Only lines with the word "IFCPOLYGONALFACESET" belong in the answer; copy them from the records below.

Dataset entries.
********
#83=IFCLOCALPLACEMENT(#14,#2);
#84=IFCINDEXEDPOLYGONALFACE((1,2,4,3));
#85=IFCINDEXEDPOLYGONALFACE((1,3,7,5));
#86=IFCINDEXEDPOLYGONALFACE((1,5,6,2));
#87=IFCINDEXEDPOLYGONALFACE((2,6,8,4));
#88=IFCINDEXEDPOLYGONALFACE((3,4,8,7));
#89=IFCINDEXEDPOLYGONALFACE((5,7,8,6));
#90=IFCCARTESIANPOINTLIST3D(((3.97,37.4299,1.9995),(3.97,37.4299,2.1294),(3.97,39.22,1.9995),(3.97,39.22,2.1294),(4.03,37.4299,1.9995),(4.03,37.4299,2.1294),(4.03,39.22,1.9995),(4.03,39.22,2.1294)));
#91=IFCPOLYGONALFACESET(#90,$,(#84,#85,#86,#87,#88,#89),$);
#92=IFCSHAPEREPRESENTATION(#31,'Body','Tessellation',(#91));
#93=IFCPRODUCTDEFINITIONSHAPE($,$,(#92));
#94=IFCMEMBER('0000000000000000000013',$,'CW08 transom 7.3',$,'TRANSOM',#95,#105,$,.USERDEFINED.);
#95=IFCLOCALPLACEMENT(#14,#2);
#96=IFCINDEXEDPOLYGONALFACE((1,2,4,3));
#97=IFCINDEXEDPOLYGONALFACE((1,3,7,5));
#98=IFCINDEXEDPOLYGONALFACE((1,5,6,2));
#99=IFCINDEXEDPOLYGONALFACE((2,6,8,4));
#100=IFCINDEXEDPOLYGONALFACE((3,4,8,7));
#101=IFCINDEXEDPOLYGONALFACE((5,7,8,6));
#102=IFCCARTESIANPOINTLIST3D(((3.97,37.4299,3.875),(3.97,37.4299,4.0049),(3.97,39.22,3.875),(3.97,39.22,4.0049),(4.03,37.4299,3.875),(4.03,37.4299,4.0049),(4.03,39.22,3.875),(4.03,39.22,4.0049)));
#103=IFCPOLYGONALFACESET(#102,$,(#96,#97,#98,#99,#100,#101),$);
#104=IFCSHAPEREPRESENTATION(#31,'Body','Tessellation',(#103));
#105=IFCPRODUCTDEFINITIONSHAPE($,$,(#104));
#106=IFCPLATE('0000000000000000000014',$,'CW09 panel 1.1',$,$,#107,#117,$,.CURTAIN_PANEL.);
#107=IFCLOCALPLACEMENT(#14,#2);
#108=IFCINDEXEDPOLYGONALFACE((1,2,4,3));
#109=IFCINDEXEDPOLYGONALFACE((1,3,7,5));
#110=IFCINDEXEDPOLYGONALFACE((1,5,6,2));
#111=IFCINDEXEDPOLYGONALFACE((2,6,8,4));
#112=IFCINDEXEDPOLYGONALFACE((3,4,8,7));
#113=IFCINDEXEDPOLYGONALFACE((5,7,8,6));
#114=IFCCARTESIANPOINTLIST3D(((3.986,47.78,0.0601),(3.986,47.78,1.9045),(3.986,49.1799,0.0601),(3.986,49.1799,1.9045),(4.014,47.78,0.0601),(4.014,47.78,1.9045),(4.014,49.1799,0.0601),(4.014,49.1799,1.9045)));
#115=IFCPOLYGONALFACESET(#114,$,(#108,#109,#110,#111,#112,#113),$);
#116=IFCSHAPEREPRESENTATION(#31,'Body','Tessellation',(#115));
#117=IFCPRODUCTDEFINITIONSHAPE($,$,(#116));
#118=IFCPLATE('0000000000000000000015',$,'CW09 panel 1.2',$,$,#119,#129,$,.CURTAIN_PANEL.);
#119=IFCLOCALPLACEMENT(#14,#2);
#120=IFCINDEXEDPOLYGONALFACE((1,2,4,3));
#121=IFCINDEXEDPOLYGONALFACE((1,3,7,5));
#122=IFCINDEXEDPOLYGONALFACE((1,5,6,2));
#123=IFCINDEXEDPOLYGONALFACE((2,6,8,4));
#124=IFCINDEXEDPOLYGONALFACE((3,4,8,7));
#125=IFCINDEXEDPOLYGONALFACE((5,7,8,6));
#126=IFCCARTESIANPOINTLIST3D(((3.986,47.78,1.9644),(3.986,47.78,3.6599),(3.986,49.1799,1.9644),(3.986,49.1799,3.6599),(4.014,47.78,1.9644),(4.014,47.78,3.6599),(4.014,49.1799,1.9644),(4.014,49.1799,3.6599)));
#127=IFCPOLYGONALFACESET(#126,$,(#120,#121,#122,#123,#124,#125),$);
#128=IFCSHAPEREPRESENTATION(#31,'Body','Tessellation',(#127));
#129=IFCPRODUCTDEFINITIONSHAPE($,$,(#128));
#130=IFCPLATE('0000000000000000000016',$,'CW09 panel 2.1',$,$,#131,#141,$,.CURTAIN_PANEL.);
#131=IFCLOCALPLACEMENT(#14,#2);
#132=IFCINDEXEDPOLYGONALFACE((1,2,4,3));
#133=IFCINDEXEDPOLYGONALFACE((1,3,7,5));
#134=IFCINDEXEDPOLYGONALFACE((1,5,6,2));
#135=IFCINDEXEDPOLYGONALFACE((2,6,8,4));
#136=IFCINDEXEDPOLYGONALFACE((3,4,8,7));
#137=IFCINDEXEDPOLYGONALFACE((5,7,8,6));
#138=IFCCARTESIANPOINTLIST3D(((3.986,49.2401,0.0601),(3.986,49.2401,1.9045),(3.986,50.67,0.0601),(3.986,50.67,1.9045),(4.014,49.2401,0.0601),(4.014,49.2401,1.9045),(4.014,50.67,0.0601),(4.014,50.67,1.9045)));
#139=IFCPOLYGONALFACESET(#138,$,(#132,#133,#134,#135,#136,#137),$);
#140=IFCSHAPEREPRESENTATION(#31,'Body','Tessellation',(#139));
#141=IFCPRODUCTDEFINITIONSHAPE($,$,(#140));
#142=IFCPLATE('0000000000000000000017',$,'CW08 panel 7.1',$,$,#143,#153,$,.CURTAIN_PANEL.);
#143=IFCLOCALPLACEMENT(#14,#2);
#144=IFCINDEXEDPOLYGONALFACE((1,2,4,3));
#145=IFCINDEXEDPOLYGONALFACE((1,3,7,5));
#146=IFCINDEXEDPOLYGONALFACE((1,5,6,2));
********
RESPONSE FOR THIS EXERCISE.
#91=IFCPOLYGONALFACESET(#90,$,(#84,#85,#86,#87,#88,#89),$);
#103=IFCPOLYGONALFACESET(#102,$,(#96,#97,#98,#99,#100,#101),$);
#115=IFCPOLYGONALFACESET(#114,$,(#108,#109,#110,#111,#112,#113),$);
#127=IFCPOLYGONALFACESET(#126,$,(#120,#121,#122,#123,#124,#125),$);
#139=IFCPOLYGONALFACESET(#138,$,(#132,#133,#134,#135,#136,#137),$);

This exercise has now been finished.